> _ASSIGNED TASK_
From the listing below, pull each line that includes "PARTITION".

> _PROVIDED RECORDS_
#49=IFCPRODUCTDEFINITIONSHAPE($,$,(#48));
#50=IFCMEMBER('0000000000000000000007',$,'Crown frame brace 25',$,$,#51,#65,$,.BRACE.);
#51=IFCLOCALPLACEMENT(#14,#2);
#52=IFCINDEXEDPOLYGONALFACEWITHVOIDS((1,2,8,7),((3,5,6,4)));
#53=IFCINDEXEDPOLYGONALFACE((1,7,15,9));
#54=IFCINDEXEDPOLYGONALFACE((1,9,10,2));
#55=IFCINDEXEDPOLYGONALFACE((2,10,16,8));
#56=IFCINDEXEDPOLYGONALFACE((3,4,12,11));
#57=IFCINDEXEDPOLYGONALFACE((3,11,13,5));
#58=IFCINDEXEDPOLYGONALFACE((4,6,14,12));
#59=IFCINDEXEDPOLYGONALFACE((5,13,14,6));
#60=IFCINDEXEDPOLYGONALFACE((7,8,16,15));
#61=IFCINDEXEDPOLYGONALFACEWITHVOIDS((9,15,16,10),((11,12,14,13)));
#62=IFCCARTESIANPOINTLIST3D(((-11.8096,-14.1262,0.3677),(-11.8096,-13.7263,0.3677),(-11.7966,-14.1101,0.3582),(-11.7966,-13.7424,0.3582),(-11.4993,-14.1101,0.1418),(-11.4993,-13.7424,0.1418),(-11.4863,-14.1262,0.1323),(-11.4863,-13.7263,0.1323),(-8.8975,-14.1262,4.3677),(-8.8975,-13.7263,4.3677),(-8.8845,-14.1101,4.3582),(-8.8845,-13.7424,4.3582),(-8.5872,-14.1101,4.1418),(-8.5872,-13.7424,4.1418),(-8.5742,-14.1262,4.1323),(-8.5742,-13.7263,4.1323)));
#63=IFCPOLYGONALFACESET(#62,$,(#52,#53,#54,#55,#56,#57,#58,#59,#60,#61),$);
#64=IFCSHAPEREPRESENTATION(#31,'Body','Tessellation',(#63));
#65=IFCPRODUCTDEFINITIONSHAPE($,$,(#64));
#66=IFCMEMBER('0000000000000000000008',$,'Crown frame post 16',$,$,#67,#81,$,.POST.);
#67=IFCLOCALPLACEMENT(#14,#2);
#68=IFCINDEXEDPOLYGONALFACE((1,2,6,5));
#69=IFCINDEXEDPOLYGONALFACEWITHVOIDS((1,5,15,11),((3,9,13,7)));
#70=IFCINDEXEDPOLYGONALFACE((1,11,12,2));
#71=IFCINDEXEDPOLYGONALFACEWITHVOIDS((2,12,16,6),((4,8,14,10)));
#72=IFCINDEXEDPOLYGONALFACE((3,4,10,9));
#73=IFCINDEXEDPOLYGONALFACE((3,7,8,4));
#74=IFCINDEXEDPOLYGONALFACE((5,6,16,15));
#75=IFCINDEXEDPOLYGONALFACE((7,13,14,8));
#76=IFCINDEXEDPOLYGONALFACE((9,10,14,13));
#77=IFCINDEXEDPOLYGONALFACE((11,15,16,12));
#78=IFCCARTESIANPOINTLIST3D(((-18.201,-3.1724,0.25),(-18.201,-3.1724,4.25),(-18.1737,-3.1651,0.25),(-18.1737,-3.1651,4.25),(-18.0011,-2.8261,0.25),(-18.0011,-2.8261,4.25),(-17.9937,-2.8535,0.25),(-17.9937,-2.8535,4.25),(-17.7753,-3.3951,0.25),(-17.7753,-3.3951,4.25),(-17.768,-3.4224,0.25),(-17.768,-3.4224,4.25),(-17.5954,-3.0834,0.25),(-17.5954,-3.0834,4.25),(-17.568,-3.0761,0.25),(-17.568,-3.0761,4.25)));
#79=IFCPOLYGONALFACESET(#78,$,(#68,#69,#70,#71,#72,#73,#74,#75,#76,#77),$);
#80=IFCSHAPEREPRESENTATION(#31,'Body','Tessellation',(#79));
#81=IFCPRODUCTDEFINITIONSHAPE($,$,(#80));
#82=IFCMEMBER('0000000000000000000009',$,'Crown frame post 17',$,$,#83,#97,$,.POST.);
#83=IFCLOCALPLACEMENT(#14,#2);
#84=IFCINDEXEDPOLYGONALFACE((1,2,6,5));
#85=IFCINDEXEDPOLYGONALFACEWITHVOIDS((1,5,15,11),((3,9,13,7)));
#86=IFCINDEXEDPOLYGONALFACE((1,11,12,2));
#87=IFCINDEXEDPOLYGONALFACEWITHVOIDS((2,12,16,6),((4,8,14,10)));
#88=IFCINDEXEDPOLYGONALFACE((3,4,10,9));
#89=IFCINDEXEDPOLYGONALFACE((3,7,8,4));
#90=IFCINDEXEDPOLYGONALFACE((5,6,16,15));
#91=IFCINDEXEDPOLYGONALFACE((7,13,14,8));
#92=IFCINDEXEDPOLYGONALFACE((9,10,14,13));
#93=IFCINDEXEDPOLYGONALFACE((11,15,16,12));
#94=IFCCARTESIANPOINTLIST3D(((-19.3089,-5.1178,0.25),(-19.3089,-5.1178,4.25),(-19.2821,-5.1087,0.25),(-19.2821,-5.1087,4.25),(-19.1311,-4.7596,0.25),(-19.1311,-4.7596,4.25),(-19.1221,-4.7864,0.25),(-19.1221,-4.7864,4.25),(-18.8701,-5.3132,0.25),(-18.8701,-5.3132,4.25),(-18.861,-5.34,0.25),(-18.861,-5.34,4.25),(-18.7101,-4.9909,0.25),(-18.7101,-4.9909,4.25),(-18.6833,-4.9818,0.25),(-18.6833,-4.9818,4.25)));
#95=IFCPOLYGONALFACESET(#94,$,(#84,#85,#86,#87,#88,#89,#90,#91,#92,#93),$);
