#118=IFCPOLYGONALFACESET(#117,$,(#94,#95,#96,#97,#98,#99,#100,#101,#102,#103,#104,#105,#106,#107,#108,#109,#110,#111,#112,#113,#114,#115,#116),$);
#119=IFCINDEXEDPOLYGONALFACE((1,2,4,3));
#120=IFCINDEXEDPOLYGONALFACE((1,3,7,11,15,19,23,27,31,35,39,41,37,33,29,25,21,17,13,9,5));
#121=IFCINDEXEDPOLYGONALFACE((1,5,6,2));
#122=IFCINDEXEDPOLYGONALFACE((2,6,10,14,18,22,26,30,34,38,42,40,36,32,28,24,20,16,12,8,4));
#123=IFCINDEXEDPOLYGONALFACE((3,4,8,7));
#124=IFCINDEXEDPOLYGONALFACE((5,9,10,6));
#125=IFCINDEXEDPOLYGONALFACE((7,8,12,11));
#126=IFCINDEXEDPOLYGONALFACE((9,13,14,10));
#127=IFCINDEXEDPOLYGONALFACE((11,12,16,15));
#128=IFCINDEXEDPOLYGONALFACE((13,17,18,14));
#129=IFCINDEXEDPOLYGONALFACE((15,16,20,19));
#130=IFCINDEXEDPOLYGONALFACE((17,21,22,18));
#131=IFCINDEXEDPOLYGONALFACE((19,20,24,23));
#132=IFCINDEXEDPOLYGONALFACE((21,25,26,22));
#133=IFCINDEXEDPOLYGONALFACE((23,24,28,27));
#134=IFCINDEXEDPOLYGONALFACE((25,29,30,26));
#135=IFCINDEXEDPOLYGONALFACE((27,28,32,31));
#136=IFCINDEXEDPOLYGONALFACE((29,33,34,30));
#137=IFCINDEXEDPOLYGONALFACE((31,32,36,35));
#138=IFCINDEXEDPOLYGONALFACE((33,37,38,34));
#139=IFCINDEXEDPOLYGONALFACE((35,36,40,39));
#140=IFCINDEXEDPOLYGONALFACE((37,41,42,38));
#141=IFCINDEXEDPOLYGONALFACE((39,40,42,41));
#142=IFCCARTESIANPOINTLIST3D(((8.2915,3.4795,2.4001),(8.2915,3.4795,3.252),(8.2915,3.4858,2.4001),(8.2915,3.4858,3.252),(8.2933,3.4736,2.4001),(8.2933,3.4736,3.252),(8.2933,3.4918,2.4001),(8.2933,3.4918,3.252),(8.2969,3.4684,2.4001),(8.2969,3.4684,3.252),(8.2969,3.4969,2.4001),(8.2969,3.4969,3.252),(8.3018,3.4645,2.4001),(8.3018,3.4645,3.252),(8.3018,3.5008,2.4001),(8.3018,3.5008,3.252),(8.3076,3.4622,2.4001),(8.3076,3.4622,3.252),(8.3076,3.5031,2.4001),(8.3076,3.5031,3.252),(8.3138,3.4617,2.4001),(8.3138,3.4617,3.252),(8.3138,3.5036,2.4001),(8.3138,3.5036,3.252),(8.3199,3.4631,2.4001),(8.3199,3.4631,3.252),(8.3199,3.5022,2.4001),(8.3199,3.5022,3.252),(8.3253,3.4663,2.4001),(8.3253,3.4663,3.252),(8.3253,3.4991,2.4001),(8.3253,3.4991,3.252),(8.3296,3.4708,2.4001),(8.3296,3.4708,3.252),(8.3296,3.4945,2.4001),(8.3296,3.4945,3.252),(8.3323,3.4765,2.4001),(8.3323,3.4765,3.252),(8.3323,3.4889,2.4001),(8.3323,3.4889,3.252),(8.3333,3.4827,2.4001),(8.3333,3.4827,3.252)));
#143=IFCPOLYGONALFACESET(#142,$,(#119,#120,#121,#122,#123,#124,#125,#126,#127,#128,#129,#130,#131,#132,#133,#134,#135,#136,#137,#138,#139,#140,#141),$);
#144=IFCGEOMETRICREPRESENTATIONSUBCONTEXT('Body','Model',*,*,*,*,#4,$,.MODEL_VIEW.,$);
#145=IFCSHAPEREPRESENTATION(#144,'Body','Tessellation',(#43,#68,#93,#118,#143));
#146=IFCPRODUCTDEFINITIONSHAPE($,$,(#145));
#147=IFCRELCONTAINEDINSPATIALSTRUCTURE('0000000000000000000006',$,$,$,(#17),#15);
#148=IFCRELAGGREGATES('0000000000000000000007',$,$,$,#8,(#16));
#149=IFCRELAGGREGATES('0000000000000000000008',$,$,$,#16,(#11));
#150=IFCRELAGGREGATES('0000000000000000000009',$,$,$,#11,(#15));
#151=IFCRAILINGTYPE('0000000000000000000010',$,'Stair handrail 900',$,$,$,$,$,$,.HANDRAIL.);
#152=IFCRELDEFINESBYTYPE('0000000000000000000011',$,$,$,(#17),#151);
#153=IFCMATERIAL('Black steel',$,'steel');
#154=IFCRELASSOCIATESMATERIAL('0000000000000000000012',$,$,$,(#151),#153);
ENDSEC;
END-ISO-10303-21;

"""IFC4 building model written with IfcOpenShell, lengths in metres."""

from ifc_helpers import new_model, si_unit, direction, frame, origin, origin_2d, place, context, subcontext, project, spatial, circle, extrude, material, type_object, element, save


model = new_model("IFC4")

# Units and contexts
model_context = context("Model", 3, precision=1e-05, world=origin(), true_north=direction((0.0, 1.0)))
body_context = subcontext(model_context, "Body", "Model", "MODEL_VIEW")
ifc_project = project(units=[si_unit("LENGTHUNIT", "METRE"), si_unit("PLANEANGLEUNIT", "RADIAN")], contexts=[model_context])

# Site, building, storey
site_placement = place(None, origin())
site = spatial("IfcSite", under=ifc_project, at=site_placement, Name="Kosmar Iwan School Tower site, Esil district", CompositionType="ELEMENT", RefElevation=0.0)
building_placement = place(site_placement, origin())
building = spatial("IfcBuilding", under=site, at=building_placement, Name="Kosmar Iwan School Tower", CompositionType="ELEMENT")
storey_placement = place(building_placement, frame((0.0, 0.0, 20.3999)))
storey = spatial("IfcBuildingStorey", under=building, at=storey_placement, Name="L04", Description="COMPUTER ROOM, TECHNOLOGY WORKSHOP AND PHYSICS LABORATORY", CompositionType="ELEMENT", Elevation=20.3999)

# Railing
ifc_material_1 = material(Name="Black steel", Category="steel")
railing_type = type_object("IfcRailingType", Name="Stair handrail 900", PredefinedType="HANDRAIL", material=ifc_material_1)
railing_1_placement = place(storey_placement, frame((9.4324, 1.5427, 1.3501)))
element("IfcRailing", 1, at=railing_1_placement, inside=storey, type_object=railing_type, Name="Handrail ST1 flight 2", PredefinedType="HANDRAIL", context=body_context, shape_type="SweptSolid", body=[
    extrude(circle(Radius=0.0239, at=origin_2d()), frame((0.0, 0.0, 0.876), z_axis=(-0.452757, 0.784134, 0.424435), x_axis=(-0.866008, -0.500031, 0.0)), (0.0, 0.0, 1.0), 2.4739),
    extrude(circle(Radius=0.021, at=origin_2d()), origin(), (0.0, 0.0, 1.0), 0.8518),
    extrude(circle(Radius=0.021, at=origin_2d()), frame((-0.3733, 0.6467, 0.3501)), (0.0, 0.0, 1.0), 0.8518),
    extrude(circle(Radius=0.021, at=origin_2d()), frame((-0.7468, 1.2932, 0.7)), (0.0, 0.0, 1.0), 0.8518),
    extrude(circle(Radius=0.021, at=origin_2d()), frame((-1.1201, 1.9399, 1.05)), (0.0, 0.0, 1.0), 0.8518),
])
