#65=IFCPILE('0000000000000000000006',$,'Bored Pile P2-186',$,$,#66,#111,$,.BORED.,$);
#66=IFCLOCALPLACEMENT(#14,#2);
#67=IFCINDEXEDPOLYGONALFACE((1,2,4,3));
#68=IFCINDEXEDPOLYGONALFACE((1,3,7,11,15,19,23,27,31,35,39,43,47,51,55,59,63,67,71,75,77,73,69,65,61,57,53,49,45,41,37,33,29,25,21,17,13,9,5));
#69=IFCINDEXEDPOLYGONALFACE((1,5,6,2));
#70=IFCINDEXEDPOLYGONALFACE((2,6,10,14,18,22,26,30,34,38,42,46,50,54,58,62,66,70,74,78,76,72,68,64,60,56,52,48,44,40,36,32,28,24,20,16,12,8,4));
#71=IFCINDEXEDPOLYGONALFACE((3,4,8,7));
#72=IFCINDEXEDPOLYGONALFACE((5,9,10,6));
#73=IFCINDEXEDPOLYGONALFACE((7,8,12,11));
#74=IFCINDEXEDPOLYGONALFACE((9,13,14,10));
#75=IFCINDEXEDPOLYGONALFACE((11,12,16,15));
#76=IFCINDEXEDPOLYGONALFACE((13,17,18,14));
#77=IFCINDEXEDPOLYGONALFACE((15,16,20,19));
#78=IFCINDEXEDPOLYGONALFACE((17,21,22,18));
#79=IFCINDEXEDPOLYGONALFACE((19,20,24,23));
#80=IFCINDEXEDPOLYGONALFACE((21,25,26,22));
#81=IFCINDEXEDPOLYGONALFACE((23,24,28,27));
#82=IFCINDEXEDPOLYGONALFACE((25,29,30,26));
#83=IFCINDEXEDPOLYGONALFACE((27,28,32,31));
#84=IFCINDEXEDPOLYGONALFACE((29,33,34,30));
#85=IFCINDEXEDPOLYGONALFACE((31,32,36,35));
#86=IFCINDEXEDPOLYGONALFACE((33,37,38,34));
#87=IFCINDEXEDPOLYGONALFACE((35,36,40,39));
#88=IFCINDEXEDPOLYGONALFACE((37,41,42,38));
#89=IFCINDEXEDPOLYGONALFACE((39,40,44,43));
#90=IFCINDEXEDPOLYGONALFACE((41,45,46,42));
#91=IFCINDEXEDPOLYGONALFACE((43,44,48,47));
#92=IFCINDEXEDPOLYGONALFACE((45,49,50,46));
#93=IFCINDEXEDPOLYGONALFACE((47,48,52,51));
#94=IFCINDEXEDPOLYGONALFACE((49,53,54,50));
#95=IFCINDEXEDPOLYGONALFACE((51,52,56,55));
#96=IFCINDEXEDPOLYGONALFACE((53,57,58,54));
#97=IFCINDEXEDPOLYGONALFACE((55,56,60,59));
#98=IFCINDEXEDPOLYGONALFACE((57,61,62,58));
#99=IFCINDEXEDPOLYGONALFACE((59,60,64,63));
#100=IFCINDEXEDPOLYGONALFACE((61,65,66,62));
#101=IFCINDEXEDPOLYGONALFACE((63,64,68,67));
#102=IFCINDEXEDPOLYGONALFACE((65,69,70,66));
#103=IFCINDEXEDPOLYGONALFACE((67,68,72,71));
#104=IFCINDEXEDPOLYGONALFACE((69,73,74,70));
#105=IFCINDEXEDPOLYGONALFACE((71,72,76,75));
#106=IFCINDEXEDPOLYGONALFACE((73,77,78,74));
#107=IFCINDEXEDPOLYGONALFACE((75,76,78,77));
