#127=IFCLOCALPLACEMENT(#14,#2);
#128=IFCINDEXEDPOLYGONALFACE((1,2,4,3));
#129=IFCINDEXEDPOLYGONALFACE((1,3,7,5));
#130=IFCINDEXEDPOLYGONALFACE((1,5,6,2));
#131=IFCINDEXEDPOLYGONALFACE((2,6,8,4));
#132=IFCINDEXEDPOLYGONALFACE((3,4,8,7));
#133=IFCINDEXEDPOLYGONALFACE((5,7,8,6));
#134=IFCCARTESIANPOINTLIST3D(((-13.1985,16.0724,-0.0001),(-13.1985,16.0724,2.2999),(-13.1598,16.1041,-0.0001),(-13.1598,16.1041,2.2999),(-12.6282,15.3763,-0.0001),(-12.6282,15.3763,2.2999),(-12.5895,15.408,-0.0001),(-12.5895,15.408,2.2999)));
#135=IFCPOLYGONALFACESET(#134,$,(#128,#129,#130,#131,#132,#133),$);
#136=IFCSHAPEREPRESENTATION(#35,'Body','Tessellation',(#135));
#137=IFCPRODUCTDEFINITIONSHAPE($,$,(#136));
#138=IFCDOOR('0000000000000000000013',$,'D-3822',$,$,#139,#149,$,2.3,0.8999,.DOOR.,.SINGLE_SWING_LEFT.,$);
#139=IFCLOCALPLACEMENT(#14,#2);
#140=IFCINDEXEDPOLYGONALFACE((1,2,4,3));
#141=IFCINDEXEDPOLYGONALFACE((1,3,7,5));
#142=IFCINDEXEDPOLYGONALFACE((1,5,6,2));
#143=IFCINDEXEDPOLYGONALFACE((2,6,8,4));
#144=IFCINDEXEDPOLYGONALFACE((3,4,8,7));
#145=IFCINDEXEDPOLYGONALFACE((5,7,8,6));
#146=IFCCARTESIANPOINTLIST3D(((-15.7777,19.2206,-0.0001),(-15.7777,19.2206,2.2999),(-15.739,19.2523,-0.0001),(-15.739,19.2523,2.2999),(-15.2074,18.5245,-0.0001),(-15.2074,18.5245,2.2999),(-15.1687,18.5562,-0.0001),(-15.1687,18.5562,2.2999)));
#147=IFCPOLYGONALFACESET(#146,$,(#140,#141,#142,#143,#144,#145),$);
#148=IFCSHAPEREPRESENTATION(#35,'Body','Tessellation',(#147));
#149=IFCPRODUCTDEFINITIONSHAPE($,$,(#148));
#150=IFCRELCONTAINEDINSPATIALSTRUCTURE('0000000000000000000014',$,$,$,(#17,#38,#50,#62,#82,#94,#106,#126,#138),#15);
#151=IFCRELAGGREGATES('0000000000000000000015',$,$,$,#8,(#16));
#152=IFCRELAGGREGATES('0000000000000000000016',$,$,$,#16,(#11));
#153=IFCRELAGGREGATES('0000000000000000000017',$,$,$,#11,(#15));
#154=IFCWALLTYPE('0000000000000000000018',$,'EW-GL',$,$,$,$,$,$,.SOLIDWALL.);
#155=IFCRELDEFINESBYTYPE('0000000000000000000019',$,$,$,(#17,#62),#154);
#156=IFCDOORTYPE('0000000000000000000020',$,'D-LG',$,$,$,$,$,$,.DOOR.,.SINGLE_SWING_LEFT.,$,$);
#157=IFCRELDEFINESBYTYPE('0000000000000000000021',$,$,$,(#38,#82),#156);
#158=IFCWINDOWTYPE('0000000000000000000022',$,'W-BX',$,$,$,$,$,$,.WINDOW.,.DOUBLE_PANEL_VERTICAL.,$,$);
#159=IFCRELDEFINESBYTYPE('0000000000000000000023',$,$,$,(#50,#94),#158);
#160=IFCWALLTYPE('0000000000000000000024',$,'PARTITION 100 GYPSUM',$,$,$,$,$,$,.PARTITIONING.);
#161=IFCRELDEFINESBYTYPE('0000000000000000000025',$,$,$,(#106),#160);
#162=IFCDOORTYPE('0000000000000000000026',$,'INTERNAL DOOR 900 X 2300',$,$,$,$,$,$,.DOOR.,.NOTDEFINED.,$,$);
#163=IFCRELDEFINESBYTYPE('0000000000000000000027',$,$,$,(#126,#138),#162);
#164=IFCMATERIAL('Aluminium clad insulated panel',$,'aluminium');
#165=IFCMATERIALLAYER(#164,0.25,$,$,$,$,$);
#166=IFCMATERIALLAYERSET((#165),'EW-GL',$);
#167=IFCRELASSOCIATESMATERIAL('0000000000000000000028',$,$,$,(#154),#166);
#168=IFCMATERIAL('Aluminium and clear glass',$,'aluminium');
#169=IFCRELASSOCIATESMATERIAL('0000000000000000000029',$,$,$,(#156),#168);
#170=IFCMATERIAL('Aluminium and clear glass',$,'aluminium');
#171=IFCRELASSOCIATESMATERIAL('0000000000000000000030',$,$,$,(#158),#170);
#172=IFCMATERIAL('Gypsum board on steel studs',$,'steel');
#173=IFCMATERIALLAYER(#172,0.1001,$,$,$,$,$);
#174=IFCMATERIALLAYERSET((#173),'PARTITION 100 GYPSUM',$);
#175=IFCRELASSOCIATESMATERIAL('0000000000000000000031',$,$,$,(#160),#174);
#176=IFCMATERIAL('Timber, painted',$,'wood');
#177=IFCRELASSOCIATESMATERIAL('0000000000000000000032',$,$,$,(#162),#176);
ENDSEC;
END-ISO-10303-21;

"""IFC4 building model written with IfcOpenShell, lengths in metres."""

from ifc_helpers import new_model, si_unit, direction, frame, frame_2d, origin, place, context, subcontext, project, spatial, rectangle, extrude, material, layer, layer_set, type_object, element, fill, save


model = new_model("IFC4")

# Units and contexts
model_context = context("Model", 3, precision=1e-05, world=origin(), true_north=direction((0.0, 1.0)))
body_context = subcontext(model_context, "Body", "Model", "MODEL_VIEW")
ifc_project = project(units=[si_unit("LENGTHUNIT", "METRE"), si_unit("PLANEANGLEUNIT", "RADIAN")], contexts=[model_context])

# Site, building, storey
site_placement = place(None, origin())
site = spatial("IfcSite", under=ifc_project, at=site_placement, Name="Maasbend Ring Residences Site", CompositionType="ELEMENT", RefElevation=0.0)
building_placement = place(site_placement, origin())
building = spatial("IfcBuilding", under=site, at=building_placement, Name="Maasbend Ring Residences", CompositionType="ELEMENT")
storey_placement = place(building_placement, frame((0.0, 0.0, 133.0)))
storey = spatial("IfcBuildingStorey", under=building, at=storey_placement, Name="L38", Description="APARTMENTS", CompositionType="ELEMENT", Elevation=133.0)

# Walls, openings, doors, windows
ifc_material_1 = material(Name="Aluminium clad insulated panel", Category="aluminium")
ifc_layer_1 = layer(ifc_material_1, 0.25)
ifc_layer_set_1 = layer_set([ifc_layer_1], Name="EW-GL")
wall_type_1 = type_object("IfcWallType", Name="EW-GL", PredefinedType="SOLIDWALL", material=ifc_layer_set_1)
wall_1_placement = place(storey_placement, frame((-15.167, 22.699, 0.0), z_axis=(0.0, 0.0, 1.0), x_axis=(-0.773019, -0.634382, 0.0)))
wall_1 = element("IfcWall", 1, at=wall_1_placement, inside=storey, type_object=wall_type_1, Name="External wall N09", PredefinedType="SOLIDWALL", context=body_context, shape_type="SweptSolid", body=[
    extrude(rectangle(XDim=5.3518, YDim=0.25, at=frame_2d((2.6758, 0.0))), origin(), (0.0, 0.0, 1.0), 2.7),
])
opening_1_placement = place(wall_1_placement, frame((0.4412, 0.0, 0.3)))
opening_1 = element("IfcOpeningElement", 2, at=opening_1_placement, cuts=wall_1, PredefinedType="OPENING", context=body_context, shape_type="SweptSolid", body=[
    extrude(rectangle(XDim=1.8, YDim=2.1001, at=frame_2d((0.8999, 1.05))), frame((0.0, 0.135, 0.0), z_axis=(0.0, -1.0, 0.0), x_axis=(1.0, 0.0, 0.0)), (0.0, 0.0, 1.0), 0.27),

> _TASK RESULT_
#160=IFCWALLTYPE('0000000000000000000024',$,'PARTITION 100 GYPSUM',$,$,$,$,$,$,.PARTITIONING.);
#174=IFCMATERIALLAYERSET((#173),'PARTITION 100 GYPSUM',$);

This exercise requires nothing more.